Among the records below, which lines contain the string "IFCRELASSOCIATESMATERIAL"? Report them.

+ + +

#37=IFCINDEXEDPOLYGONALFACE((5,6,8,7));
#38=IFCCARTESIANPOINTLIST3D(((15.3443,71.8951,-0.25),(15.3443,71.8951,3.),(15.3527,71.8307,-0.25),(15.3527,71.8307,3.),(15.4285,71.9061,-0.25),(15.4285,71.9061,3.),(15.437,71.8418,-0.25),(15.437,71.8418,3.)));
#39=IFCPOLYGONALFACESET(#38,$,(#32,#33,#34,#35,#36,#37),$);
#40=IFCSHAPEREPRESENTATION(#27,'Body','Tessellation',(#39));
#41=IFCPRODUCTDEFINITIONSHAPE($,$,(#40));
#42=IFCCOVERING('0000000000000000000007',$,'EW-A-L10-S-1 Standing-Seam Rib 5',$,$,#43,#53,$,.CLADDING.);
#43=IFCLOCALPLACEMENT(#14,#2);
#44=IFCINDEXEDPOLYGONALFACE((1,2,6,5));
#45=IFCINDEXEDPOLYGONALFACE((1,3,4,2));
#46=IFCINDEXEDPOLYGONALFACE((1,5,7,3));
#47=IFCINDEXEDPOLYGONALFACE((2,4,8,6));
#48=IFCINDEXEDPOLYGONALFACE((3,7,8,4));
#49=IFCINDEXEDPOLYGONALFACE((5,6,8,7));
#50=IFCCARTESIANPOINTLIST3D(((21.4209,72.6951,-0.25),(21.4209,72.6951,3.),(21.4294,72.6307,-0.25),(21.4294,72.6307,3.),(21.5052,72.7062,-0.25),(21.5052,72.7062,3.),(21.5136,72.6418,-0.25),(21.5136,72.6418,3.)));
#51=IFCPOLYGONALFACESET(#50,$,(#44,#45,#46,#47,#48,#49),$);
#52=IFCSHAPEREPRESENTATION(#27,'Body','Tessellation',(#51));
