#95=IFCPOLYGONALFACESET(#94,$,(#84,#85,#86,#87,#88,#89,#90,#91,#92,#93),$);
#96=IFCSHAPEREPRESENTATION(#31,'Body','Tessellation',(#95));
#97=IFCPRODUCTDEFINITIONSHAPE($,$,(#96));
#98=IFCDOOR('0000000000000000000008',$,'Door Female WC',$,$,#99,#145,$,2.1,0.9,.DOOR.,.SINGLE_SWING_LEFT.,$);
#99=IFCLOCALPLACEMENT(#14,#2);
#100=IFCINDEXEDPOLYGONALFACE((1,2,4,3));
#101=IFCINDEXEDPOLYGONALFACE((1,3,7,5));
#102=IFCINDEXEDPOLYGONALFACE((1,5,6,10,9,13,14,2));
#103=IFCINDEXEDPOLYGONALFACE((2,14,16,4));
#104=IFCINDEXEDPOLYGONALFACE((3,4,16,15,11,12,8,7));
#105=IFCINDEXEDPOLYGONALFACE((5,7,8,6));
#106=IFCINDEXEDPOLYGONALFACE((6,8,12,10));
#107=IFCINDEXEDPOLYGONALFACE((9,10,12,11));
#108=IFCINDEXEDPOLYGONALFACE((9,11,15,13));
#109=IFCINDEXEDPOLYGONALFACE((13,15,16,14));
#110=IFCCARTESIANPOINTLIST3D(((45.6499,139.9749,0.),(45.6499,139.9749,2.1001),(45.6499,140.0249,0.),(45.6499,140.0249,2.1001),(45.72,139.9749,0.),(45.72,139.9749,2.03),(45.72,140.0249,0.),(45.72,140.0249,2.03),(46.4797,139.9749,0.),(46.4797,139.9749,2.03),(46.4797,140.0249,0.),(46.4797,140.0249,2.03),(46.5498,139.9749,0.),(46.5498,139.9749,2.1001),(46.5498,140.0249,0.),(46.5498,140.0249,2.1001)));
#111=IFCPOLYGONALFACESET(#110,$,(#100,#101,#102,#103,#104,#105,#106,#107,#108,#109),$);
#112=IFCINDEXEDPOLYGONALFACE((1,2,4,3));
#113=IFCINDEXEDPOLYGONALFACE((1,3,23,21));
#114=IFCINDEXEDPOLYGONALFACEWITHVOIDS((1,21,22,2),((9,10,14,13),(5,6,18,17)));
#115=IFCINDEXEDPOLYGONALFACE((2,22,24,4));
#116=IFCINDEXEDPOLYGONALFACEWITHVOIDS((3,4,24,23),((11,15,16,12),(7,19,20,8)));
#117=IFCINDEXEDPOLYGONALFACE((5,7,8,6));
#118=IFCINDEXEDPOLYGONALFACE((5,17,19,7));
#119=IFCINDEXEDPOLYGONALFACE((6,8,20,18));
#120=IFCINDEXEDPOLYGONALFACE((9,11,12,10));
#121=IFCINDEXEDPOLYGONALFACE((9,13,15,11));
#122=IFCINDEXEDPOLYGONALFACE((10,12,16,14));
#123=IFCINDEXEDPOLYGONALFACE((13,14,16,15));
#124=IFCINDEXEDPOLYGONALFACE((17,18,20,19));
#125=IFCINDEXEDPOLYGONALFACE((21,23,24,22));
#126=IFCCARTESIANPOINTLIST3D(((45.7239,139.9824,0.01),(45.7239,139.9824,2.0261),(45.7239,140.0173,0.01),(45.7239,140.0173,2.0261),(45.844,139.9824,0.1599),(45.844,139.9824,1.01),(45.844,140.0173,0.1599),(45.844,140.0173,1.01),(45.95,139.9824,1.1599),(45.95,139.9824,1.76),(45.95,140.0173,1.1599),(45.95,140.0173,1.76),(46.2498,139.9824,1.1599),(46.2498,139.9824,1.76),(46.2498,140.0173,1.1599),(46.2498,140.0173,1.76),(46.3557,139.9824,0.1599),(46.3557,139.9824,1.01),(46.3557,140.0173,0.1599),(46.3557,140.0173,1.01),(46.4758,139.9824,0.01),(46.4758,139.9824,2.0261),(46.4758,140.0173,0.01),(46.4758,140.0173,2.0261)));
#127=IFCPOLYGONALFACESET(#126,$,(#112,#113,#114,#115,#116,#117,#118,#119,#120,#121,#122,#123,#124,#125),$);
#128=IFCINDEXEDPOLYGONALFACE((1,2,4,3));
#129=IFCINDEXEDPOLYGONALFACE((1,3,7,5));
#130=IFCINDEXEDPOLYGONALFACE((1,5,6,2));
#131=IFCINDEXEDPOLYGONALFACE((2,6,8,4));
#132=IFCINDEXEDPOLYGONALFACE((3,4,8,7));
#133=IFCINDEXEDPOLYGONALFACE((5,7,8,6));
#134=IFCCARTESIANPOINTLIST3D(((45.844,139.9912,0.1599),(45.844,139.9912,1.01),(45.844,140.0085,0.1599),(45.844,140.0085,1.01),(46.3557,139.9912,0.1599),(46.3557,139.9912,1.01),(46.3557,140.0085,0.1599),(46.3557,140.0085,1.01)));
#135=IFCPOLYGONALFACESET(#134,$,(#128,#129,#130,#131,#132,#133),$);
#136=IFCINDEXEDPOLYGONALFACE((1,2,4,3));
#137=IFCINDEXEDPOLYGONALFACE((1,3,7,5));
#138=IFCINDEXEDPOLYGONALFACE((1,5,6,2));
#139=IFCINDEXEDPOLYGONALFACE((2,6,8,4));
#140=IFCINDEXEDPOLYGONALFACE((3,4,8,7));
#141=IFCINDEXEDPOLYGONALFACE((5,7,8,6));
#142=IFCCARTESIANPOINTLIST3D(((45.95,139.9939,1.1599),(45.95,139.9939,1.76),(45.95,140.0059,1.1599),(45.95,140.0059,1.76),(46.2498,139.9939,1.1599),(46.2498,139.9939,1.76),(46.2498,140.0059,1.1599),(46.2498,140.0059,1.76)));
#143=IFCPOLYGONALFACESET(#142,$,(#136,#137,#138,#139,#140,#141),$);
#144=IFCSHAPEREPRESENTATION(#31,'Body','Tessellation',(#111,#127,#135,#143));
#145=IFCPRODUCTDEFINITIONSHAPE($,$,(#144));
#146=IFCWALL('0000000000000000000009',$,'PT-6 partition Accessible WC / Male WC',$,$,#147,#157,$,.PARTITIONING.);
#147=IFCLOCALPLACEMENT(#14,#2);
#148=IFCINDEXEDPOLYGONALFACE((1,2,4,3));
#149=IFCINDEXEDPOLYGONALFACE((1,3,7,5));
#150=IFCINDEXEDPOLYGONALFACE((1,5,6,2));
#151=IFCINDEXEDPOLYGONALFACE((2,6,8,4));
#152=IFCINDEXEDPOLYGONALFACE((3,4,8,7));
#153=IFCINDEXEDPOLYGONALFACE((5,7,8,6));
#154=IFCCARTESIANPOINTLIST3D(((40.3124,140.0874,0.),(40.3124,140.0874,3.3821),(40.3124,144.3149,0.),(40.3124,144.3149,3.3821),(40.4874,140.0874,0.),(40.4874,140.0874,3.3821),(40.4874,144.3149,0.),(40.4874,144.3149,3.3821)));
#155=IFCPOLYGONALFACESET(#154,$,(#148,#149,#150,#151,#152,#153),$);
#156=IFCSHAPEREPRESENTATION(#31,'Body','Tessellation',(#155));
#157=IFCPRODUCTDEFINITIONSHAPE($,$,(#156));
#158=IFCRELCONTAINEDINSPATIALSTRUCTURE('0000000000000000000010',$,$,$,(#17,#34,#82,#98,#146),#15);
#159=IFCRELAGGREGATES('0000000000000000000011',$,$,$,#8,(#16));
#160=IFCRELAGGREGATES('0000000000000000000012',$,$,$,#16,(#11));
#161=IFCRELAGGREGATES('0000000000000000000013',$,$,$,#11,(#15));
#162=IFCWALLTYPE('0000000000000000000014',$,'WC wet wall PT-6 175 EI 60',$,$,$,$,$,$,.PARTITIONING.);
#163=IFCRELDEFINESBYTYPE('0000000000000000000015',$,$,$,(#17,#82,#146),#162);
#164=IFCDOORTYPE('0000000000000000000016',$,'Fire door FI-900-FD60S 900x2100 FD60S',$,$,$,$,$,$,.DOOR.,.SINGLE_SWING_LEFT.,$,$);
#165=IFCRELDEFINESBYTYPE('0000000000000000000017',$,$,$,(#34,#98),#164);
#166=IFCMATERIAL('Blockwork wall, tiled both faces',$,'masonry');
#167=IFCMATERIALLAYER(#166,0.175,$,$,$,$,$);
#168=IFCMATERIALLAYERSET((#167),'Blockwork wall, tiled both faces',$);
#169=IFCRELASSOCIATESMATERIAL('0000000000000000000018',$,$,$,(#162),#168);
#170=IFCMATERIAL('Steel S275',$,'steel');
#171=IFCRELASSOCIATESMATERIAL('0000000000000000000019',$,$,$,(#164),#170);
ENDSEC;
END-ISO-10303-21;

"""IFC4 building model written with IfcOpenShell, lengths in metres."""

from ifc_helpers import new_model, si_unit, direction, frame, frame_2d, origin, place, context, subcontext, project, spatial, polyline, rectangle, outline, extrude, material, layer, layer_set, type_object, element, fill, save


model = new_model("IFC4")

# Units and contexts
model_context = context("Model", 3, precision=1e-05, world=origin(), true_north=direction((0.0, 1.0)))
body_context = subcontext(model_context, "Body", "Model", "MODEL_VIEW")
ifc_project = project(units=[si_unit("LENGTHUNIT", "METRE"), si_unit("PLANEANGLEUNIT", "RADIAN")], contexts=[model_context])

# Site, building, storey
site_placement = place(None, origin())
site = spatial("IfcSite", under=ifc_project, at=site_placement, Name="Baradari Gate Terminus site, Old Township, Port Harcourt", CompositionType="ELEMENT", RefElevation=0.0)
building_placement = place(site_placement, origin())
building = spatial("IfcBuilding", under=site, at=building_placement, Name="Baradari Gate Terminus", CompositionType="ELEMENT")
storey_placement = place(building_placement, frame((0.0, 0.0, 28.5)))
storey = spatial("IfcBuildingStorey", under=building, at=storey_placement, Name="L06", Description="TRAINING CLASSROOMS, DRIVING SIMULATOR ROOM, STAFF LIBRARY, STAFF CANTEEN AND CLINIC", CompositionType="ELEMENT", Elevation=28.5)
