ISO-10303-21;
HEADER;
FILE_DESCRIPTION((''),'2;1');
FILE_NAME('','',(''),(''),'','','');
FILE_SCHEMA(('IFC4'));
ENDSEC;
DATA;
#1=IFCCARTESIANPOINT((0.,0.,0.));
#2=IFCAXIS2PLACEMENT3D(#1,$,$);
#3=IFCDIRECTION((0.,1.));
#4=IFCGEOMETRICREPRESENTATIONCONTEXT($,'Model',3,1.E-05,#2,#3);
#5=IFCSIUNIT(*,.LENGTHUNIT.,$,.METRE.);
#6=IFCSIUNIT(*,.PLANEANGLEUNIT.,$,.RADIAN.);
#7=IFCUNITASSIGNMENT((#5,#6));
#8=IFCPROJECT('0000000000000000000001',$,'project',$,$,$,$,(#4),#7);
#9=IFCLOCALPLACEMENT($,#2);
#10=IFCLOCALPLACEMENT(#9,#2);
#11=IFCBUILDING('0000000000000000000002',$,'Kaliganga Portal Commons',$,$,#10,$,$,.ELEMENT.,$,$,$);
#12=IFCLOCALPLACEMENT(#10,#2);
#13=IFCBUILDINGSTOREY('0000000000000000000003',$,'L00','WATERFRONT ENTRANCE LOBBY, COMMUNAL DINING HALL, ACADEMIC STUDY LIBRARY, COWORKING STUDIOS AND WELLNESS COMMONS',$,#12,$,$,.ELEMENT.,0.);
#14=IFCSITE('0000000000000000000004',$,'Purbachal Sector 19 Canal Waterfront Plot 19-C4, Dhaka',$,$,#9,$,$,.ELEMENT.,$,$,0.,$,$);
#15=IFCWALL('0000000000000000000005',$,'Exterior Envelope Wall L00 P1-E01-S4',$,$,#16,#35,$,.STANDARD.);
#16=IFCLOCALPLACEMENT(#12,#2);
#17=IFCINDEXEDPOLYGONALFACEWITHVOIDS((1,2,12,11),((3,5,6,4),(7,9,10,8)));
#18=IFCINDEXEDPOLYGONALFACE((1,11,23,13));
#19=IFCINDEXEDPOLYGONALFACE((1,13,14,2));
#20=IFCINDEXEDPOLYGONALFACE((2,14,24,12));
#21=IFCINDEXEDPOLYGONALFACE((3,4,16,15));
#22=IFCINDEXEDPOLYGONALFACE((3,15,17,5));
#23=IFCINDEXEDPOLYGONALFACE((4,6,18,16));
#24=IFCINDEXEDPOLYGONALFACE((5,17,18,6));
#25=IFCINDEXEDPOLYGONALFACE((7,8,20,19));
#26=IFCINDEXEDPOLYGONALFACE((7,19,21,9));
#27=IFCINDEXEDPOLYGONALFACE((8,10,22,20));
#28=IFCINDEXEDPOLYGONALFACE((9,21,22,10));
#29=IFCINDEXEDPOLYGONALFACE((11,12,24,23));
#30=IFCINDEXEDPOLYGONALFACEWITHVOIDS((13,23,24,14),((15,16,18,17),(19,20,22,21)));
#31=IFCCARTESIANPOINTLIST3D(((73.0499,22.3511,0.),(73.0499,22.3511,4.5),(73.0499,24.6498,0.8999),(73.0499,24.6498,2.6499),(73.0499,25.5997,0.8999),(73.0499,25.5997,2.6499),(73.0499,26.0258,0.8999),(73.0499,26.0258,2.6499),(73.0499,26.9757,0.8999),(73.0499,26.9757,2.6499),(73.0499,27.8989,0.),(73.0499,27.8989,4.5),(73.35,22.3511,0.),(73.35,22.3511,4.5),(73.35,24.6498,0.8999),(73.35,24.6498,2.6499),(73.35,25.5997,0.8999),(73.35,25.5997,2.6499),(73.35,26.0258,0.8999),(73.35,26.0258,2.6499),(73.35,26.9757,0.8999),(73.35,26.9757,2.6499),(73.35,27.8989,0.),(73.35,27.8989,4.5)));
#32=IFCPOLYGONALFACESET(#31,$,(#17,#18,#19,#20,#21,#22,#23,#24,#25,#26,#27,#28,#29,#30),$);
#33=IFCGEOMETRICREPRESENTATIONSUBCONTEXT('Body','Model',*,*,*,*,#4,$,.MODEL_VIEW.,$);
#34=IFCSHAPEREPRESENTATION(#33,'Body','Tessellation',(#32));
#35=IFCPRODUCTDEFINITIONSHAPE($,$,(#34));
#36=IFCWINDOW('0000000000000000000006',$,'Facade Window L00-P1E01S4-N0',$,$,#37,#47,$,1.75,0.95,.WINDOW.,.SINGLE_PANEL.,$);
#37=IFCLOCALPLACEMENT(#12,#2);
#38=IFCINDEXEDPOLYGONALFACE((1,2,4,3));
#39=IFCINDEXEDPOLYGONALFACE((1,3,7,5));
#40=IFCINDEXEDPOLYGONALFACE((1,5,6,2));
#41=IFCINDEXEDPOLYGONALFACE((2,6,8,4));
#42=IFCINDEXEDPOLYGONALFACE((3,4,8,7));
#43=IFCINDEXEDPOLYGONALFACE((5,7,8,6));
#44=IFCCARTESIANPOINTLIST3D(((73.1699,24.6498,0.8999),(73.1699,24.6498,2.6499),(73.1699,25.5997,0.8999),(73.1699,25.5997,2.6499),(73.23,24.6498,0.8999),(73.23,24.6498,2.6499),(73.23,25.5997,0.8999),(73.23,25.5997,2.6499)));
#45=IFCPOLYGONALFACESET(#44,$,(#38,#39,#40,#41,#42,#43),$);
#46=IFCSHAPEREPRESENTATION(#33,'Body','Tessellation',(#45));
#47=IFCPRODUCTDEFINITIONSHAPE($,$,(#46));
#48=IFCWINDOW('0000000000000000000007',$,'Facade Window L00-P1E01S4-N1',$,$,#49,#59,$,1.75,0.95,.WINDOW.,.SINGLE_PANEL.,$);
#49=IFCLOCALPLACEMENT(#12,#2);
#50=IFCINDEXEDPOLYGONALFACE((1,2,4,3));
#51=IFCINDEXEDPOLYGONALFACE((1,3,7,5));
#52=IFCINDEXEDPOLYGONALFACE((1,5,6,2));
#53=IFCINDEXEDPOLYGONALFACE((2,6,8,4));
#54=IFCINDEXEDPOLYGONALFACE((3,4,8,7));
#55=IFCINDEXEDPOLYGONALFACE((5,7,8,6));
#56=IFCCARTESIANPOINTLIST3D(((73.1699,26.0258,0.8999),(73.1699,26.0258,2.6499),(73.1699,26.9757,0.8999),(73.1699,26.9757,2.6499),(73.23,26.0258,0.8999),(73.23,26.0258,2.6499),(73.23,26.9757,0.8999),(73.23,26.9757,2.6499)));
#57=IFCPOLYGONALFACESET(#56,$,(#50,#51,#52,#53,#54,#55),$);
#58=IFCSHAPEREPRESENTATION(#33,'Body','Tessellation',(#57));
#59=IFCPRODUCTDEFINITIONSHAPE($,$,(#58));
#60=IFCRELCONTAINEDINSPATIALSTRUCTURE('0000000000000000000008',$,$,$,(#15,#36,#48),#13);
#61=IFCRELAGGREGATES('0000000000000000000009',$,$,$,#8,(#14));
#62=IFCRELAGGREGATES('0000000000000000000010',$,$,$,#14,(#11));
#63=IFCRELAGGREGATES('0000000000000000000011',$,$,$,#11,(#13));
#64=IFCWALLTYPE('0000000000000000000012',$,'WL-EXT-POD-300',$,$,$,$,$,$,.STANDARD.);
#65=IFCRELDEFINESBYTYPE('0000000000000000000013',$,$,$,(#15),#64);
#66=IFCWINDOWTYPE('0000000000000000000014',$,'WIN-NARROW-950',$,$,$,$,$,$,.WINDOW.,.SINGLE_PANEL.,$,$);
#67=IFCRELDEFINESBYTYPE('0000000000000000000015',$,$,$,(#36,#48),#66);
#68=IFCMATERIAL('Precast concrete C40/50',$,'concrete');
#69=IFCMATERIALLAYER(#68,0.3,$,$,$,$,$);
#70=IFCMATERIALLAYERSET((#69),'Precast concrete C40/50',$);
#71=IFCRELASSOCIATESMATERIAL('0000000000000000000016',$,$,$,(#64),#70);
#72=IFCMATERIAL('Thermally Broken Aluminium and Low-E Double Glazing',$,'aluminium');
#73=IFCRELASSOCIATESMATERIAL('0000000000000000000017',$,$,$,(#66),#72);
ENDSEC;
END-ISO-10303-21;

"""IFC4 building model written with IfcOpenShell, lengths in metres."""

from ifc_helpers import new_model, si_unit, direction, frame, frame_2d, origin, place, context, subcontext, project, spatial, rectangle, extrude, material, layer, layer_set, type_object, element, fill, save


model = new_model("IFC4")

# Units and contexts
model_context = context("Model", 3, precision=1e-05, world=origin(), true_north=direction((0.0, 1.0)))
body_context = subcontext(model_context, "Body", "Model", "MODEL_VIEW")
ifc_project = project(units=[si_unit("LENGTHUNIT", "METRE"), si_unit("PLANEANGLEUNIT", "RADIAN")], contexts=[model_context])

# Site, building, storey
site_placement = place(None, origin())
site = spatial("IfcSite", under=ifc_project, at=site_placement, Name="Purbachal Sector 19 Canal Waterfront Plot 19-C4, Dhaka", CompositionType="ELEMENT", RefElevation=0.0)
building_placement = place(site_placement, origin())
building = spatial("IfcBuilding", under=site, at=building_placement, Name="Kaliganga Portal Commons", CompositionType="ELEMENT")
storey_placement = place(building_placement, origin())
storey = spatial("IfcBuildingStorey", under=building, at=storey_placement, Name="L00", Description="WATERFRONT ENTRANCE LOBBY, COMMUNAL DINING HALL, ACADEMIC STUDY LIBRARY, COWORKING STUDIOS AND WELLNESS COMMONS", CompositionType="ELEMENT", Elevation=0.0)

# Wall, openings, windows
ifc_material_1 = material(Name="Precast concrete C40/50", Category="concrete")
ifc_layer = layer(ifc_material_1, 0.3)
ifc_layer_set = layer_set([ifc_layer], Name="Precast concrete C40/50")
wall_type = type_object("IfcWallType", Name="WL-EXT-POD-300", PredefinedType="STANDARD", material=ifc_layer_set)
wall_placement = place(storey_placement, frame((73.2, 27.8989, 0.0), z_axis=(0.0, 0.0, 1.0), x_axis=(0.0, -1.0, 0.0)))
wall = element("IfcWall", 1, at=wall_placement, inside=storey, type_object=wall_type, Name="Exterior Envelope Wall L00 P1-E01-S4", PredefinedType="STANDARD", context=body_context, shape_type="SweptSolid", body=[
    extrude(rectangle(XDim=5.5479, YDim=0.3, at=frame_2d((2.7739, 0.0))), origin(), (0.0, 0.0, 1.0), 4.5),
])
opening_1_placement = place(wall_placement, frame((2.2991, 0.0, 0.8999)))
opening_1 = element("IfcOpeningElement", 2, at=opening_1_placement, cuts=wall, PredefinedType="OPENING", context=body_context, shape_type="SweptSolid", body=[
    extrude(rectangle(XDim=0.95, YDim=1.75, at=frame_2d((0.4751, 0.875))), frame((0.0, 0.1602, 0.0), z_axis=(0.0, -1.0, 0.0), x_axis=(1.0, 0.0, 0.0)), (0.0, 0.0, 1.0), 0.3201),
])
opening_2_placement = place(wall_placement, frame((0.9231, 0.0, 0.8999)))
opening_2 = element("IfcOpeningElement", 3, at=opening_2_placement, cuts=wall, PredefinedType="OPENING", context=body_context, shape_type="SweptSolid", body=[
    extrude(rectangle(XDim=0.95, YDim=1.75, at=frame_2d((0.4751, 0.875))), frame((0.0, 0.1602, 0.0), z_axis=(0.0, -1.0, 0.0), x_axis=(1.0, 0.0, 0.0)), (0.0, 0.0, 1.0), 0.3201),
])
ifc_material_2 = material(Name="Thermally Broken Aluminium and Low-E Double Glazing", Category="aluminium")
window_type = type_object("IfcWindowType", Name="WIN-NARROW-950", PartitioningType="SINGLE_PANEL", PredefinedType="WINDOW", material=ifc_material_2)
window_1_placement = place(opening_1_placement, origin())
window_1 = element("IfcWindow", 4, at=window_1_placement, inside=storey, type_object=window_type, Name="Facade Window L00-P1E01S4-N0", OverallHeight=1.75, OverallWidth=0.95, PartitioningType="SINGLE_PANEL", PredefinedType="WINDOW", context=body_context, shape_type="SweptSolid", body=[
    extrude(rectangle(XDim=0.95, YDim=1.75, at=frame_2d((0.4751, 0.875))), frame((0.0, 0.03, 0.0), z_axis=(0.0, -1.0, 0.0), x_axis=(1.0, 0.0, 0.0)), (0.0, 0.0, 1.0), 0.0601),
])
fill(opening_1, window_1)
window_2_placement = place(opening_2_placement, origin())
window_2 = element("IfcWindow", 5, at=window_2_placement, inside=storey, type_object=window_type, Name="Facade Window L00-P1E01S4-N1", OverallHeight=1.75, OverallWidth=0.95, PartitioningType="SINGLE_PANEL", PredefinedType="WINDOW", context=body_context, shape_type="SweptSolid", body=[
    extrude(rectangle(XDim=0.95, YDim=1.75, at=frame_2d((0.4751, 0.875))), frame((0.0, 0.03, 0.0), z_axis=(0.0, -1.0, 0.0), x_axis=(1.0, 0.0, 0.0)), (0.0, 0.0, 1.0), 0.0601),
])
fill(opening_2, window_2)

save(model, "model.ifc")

+ + +

### Result of the exercise
#169=IFCRELASSOCIATESMATERIAL('0000000000000000000018',$,$,$,(#162),#168);
#171=IFCRELASSOCIATESMATERIAL('0000000000000000000019',$,$,$,(#164),#170);
#71=IFCRELASSOCIATESMATERIAL('0000000000000000000016',$,$,$,(#64),#70);
#73=IFCRELASSOCIATESMATERIAL('0000000000000000000017',$,$,$,(#66),#72);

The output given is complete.